WORK REQUEST
The entries are to be returned exactly as written.

Data excerpts
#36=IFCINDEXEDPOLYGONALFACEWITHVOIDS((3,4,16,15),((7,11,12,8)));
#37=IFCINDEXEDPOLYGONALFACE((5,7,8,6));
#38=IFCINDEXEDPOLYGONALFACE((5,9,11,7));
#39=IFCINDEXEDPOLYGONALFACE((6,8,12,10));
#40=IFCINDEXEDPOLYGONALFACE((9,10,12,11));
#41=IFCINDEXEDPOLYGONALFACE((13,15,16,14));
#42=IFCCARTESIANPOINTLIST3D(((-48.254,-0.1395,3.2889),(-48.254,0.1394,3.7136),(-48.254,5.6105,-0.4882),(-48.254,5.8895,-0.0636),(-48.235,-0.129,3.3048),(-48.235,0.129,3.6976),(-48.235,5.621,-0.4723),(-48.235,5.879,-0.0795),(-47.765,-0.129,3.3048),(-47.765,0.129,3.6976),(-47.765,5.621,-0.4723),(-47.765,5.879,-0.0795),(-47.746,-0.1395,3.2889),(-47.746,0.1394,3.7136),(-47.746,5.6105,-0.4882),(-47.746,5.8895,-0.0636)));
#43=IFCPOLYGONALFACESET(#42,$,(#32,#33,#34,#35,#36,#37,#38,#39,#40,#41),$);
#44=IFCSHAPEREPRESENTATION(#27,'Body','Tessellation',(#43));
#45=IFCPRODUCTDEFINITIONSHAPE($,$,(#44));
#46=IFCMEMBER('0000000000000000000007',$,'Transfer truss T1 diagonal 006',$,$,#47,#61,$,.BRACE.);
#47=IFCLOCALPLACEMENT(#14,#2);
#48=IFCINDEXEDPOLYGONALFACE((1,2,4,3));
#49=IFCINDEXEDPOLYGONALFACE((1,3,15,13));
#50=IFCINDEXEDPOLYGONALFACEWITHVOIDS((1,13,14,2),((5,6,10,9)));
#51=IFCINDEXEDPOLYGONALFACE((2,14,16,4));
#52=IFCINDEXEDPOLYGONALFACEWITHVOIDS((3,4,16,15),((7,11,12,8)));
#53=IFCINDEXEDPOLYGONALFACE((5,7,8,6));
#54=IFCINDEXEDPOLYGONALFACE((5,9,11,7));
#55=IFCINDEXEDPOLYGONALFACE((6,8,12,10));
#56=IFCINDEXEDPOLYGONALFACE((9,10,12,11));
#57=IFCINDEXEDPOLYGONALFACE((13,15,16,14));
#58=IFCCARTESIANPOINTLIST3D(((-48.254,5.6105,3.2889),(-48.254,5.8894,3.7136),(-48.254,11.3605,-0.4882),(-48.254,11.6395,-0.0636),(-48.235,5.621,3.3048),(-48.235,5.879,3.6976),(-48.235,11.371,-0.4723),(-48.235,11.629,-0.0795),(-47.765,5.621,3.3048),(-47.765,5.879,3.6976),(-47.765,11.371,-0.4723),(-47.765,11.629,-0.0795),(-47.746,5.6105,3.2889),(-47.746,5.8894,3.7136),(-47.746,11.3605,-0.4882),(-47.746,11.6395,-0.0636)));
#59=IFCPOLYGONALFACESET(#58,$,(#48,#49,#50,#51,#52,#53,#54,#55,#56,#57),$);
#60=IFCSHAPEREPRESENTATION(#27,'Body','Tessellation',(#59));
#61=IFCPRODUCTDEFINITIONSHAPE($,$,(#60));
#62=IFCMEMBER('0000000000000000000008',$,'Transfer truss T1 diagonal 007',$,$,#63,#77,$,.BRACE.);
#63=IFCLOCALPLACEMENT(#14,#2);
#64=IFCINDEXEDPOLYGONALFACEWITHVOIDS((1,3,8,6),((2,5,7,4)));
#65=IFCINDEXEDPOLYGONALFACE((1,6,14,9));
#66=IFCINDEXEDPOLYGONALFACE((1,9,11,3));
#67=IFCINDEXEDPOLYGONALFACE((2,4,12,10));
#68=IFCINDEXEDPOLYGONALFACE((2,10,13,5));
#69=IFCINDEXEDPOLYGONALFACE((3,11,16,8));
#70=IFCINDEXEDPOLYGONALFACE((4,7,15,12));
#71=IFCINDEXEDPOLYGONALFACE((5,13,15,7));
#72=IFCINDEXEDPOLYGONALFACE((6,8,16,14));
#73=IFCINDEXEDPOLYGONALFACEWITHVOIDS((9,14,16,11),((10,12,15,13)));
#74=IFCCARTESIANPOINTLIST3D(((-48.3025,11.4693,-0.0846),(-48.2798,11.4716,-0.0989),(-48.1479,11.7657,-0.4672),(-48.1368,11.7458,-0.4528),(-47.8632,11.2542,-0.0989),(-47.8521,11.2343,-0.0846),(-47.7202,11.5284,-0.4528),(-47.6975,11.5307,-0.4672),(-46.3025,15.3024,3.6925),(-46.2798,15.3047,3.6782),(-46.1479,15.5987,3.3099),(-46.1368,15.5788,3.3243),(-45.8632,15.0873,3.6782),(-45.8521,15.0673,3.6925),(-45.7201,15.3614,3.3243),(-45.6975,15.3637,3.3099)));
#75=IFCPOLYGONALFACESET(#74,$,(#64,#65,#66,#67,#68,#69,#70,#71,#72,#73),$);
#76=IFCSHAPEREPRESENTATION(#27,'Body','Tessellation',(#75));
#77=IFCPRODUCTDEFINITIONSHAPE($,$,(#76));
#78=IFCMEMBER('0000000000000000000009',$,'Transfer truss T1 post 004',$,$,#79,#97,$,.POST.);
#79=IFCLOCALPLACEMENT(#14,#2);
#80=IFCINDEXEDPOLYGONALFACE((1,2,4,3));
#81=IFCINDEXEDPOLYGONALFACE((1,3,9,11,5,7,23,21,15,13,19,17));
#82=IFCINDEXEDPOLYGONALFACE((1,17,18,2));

SOLUTION BELOW
#36=IFCINDEXEDPOLYGONALFACEWITHVOIDS((3,4,16,15),((7,11,12,8)));
#37=IFCINDEXEDPOLYGONALFACE((5,7,8,6));
#38=IFCINDEXEDPOLYGONALFACE((5,9,11,7));
#39=IFCINDEXEDPOLYGONALFACE((6,8,12,10));
#40=IFCINDEXEDPOLYGONALFACE((9,10,12,11));
#41=IFCINDEXEDPOLYGONALFACE((13,15,16,14));
#42=IFCCARTESIANPOINTLIST3D(((-48.254,-0.1395,3.2889),(-48.254,0.1394,3.7136),(-48.254,5.6105,-0.4882),(-48.254,5.8895,-0.0636),(-48.235,-0.129,3.3048),(-48.235,0.129,3.6976),(-48.235,5.621,-0.4723),(-48.235,5.879,-0.0795),(-47.765,-0.129,3.3048),(-47.765,0.129,3.6976),(-47.765,5.621,-0.4723),(-47.765,5.879,-0.0795),(-47.746,-0.1395,3.2889),(-47.746,0.1394,3.7136),(-47.746,5.6105,-0.4882),(-47.746,5.8895,-0.0636)));
#43=IFCPOLYGONALFACESET(#42,$,(#32,#33,#34,#35,#36,#37,#38,#39,#40,#41),$);
#44=IFCSHAPEREPRESENTATION(#27,'Body','Tessellation',(#43));
#45=IFCPRODUCTDEFINITIONSHAPE($,$,(#44));
#46=IFCMEMBER('0000000000000000000007',$,'Transfer truss T1 diagonal 006',$,$,#47,#61,$,.BRACE.);
#47=IFCLOCALPLACEMENT(#14,#2);
#48=IFCINDEXEDPOLYGONALFACE((1,2,4,3));
#49=IFCINDEXEDPOLYGONALFACE((1,3,15,13));
#50=IFCINDEXEDPOLYGONALFACEWITHVOIDS((1,13,14,2),((5,6,10,9)));
#51=IFCINDEXEDPOLYGONALFACE((2,14,16,4));
#52=IFCINDEXEDPOLYGONALFACEWITHVOIDS((3,4,16,15),((7,11,12,8)));
#53=IFCINDEXEDPOLYGONALFACE((5,7,8,6));
#54=IFCINDEXEDPOLYGONALFACE((5,9,11,7));
#55=IFCINDEXEDPOLYGONALFACE((6,8,12,10));
#56=IFCINDEXEDPOLYGONALFACE((9,10,12,11));
#57=IFCINDEXEDPOLYGONALFACE((13,15,16,14));
#58=IFCCARTESIANPOINTLIST3D(((-48.254,5.6105,3.2889),(-48.254,5.8894,3.7136),(-48.254,11.3605,-0.4882),(-48.254,11.6395,-0.0636),(-48.235,5.621,3.3048),(-48.235,5.879,3.6976),(-48.235,11.371,-0.4723),(-48.235,11.629,-0.0795),(-47.765,5.621,3.3048),(-47.765,5.879,3.6976),(-47.765,11.371,-0.4723),(-47.765,11.629,-0.0795),(-47.746,5.6105,3.2889),(-47.746,5.8894,3.7136),(-47.746,11.3605,-0.4882),(-47.746,11.6395,-0.0636)));
#59=IFCPOLYGONALFACESET(#58,$,(#48,#49,#50,#51,#52,#53,#54,#55,#56,#57),$);
#60=IFCSHAPEREPRESENTATION(#27,'Body','Tessellation',(#59));
#61=IFCPRODUCTDEFINITIONSHAPE($,$,(#60));
#62=IFCMEMBER('0000000000000000000008',$,'Transfer truss T1 diagonal 007',$,$,#63,#77,$,.BRACE.);
#63=IFCLOCALPLACEMENT(#14,#2);
#64=IFCINDEXEDPOLYGONALFACEWITHVOIDS((1,3,8,6),((2,5,7,4)));
#65=IFCINDEXEDPOLYGONALFACE((1,6,14,9));
#66=IFCINDEXEDPOLYGONALFACE((1,9,11,3));
#67=IFCINDEXEDPOLYGONALFACE((2,4,12,10));
#68=IFCINDEXEDPOLYGONALFACE((2,10,13,5));
#69=IFCINDEXEDPOLYGONALFACE((3,11,16,8));
#70=IFCINDEXEDPOLYGONALFACE((4,7,15,12));
#71=IFCINDEXEDPOLYGONALFACE((5,13,15,7));
#72=IFCINDEXEDPOLYGONALFACE((6,8,16,14));
#73=IFCINDEXEDPOLYGONALFACEWITHVOIDS((9,14,16,11),((10,12,15,13)));
#74=IFCCARTESIANPOINTLIST3D(((-48.3025,11.4693,-0.0846),(-48.2798,11.4716,-0.0989),(-48.1479,11.7657,-0.4672),(-48.1368,11.7458,-0.4528),(-47.8632,11.2542,-0.0989),(-47.8521,11.2343,-0.0846),(-47.7202,11.5284,-0.4528),(-47.6975,11.5307,-0.4672),(-46.3025,15.3024,3.6925),(-46.2798,15.3047,3.6782),(-46.1479,15.5987,3.3099),(-46.1368,15.5788,3.3243),(-45.8632,15.0873,3.6782),(-45.8521,15.0673,3.6925),(-45.7201,15.3614,3.3243),(-45.6975,15.3637,3.3099)));
#75=IFCPOLYGONALFACESET(#74,$,(#64,#65,#66,#67,#68,#69,#70,#71,#72,#73),$);
#76=IFCSHAPEREPRESENTATION(#27,'Body','Tessellation',(#75));
#77=IFCPRODUCTDEFINITIONSHAPE($,$,(#76));
#78=IFCMEMBER('0000000000000000000009',$,'Transfer truss T1 post 004',$,$,#79,#97,$,.POST.);
#79=IFCLOCALPLACEMENT(#14,#2);
#80=IFCINDEXEDPOLYGONALFACE((1,2,4,3));
#81=IFCINDEXEDPOLYGONALFACE((1,3,9,11,5,7,23,21,15,13,19,17));
#82=IFCINDEXEDPOLYGONALFACE((1,17,18,2));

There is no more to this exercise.